• **SOURCE DATA**
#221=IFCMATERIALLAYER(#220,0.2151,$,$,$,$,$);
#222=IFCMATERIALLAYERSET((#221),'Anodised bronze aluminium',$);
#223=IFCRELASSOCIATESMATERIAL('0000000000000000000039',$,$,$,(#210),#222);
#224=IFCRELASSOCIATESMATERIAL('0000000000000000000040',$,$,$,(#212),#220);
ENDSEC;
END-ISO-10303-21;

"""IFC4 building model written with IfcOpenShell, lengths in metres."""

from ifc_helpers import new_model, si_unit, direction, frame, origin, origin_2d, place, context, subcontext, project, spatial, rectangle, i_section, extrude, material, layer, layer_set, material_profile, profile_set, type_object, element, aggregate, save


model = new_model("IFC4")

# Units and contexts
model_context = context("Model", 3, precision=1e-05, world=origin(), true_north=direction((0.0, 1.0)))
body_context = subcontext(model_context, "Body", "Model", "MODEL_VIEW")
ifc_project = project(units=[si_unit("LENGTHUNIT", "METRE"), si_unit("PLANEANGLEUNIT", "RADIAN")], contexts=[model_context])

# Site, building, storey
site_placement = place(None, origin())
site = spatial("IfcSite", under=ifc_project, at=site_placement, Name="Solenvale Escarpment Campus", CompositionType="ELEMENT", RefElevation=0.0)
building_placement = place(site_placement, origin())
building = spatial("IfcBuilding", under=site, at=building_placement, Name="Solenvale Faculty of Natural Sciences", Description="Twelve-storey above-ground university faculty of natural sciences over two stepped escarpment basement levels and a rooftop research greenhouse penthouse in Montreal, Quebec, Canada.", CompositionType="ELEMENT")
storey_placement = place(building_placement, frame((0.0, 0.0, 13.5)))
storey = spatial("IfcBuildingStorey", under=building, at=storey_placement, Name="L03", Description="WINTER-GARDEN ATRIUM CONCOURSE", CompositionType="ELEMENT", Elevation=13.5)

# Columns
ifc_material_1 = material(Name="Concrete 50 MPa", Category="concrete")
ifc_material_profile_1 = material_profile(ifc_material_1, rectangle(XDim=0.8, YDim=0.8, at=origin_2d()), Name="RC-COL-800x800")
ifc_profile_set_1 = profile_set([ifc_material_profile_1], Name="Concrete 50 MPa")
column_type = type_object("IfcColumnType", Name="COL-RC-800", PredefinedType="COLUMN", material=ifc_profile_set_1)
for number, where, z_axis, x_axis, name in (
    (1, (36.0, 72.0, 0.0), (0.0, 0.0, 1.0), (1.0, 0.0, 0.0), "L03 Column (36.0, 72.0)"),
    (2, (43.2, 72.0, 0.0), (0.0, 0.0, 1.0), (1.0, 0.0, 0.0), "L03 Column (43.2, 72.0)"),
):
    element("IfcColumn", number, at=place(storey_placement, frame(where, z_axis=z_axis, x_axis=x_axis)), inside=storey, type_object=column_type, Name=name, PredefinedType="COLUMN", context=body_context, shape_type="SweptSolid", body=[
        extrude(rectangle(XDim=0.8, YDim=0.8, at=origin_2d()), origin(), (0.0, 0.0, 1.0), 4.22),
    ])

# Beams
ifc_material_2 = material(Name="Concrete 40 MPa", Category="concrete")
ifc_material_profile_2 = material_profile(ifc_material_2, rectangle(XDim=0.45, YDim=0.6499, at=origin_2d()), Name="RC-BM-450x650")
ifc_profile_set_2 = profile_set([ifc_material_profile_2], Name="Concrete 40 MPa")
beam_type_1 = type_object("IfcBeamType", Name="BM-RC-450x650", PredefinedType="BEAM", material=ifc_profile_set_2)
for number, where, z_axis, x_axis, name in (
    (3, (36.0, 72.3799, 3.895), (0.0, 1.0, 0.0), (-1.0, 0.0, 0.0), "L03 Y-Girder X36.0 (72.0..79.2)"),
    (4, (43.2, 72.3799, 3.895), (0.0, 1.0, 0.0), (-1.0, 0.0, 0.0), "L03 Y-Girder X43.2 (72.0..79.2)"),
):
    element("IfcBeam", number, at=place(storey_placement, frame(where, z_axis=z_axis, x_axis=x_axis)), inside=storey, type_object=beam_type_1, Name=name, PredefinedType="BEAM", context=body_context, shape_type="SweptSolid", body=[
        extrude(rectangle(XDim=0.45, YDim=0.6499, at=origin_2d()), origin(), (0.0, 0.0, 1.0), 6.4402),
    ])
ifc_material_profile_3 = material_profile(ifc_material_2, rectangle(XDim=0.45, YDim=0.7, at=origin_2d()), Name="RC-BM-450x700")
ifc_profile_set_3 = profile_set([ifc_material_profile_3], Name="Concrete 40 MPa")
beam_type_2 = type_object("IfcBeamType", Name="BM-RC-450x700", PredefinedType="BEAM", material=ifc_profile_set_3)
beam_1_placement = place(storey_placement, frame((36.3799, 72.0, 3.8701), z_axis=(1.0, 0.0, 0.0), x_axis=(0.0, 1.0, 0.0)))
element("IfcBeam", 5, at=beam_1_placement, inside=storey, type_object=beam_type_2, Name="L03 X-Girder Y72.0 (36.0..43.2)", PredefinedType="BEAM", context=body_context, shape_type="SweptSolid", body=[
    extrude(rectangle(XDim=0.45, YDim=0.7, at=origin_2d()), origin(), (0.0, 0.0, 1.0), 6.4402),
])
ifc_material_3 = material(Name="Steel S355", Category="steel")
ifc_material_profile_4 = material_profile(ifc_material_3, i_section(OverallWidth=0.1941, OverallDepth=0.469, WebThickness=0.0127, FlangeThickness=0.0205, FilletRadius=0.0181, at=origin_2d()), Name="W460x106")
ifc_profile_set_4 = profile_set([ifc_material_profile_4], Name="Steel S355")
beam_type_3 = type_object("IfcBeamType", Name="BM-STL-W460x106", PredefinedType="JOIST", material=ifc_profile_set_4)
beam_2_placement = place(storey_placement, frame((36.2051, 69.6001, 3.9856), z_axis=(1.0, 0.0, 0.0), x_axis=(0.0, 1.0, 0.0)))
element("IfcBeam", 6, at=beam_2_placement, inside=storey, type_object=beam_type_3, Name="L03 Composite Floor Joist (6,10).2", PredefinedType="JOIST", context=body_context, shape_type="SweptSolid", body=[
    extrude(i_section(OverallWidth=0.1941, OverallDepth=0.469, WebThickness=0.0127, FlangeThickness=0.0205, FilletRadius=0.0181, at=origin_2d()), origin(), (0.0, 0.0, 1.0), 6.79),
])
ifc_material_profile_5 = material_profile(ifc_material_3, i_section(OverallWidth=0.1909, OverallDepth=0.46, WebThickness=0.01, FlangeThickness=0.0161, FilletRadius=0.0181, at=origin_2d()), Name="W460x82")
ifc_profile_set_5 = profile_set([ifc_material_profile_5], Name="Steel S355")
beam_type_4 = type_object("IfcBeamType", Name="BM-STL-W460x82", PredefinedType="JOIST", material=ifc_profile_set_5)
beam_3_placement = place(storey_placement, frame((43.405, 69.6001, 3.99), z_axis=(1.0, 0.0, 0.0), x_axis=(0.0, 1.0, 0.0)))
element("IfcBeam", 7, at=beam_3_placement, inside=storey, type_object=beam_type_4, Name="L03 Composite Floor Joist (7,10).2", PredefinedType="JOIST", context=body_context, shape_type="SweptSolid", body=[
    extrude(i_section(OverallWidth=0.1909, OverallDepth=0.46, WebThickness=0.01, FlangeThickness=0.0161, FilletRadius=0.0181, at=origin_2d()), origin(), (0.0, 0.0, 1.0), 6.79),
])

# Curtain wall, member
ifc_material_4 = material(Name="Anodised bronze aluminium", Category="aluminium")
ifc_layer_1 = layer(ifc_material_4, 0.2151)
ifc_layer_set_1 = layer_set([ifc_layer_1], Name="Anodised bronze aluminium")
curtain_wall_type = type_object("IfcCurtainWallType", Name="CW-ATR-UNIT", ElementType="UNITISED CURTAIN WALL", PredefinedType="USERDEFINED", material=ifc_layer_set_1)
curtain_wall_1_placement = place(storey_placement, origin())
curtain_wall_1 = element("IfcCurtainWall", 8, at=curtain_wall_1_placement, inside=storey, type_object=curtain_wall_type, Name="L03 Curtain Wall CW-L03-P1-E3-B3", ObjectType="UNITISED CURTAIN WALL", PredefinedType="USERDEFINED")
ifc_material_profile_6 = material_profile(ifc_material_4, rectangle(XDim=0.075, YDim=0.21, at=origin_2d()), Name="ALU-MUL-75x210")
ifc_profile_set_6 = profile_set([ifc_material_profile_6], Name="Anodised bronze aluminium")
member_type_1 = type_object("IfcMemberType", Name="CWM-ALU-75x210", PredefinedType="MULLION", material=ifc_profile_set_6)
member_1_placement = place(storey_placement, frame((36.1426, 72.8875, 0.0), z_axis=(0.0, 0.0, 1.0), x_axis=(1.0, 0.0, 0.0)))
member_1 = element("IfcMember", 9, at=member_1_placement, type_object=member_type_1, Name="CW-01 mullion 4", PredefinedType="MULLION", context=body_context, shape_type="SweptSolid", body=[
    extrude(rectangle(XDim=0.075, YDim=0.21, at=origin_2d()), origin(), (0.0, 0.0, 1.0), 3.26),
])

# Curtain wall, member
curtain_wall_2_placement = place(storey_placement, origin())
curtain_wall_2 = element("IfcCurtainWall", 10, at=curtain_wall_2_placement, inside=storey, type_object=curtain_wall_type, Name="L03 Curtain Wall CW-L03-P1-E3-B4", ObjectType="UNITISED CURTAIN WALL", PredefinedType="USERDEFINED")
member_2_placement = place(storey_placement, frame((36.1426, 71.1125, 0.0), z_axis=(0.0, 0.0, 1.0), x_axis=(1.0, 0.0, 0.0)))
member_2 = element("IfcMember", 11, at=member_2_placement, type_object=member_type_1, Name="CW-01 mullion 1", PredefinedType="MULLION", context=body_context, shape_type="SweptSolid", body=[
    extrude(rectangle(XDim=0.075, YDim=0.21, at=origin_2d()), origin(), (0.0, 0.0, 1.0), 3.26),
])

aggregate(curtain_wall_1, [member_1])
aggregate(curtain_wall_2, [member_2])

• **WHAT YOU NEED TO DO**
Out of the records, collect only those lines that contain the string "rectangle".

• **PROBLEM SOLUTION**
from ifc_helpers import new_model, si_unit, direction, frame, origin, origin_2d, place, context, subcontext, project, spatial, rectangle, i_section, extrude, material, layer, layer_set, material_profile, profile_set, type_object, element, aggregate, save
ifc_material_profile_1 = material_profile(ifc_material_1, rectangle(XDim=0.8, YDim=0.8, at=origin_2d()), Name="RC-COL-800x800")
        extrude(rectangle(XDim=0.8, YDim=0.8, at=origin_2d()), origin(), (0.0, 0.0, 1.0), 4.22),
ifc_material_profile_2 = material_profile(ifc_material_2, rectangle(XDim=0.45, YDim=0.6499, at=origin_2d()), Name="RC-BM-450x650")
        extrude(rectangle(XDim=0.45, YDim=0.6499, at=origin_2d()), origin(), (0.0, 0.0, 1.0), 6.4402),
ifc_material_profile_3 = material_profile(ifc_material_2, rectangle(XDim=0.45, YDim=0.7, at=origin_2d()), Name="RC-BM-450x700")
    extrude(rectangle(XDim=0.45, YDim=0.7, at=origin_2d()), origin(), (0.0, 0.0, 1.0), 6.4402),
ifc_material_profile_6 = material_profile(ifc_material_4, rectangle(XDim=0.075, YDim=0.21, at=origin_2d()), Name="ALU-MUL-75x210")
    extrude(rectangle(XDim=0.075, YDim=0.21, at=origin_2d()), origin(), (0.0, 0.0, 1.0), 3.26),
    extrude(rectangle(XDim=0.075, YDim=0.21, at=origin_2d()), origin(), (0.0, 0.0, 1.0), 3.26),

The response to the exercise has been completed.